What is required: Whenever a line of the records below contains the word "social", copy that line.

Stored data:

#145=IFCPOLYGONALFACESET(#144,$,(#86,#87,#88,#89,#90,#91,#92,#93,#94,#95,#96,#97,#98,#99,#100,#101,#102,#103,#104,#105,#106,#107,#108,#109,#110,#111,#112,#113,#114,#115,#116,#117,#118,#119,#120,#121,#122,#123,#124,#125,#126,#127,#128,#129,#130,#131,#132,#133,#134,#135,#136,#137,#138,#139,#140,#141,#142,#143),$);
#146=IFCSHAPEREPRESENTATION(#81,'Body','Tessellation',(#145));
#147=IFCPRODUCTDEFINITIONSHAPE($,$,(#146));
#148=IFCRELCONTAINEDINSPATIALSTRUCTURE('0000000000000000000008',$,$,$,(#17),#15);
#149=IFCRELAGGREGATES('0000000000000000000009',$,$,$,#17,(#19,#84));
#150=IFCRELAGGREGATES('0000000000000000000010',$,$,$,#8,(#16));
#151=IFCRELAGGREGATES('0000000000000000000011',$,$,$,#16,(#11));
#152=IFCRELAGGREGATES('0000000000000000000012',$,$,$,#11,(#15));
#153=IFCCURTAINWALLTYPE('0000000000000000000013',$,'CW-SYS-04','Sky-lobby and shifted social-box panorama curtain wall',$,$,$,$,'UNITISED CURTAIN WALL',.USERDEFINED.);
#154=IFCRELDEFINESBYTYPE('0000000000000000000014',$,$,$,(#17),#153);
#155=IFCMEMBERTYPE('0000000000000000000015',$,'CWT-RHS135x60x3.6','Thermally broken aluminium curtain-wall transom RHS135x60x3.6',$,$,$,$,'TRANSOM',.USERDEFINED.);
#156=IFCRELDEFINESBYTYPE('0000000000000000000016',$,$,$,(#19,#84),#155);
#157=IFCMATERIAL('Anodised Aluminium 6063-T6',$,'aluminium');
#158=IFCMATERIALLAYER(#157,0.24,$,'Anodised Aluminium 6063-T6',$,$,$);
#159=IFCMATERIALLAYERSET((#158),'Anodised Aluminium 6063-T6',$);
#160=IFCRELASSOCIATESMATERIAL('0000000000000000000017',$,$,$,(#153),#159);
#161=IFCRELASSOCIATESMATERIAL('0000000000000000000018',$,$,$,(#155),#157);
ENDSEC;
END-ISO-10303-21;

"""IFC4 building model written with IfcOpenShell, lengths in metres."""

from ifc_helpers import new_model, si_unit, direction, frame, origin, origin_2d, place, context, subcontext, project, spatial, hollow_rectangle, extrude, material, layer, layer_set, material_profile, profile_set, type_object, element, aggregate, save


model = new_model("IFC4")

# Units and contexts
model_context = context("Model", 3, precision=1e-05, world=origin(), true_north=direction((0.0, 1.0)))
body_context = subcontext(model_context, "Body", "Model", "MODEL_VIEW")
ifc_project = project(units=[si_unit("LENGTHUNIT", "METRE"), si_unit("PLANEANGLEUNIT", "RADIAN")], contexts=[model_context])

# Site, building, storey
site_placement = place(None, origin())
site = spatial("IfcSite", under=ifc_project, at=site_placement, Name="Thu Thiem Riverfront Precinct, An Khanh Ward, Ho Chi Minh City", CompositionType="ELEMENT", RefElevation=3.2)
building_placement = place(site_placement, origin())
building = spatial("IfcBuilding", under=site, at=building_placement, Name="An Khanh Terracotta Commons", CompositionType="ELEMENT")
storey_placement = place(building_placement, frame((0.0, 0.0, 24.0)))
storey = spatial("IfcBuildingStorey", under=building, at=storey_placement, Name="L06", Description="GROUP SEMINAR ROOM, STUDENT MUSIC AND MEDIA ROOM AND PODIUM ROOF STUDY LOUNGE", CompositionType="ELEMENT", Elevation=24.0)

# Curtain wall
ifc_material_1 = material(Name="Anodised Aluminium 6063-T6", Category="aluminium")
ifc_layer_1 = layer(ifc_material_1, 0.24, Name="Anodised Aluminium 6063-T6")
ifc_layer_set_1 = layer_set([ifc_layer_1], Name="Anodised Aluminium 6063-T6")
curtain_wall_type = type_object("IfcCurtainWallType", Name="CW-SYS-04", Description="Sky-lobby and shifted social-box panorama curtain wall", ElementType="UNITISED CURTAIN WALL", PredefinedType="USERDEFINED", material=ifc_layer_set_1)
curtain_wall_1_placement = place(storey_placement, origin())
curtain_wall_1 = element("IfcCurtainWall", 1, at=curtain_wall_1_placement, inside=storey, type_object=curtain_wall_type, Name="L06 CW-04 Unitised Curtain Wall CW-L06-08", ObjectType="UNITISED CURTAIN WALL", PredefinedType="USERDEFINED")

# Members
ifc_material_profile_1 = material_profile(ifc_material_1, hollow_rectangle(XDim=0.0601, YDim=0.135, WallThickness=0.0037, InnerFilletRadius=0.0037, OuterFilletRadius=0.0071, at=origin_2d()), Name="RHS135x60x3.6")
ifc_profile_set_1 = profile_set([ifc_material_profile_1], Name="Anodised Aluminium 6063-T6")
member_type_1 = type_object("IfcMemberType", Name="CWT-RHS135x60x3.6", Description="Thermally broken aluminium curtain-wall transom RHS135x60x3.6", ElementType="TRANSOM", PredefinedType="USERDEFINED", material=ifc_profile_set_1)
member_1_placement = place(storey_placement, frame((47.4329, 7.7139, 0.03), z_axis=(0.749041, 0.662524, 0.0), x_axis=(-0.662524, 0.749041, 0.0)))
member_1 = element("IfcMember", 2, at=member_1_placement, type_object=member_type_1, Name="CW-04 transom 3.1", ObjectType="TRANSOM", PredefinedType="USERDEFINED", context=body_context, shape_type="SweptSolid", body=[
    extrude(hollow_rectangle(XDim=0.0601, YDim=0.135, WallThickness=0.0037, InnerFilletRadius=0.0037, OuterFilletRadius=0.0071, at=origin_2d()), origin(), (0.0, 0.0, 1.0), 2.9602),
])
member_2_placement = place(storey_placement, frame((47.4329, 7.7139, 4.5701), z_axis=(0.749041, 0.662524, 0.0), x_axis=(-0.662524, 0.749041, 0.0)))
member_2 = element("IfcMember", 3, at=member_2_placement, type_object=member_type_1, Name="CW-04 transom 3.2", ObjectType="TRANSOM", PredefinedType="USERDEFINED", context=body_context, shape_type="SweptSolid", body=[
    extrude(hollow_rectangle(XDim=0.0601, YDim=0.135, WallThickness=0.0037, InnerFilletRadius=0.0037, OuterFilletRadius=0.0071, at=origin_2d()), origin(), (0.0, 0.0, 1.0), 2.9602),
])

Output:
#153=IFCCURTAINWALLTYPE('0000000000000000000013',$,'CW-SYS-04','Sky-lobby and shifted social-box panorama curtain wall',$,$,$,$,'UNITISED CURTAIN WALL',.USERDEFINED.);
curtain_wall_type = type_object("IfcCurtainWallType", Name="CW-SYS-04", Description="Sky-lobby and shifted social-box panorama curtain wall", ElementType="UNITISED CURTAIN WALL", PredefinedType="USERDEFINED", material=ifc_layer_set_1)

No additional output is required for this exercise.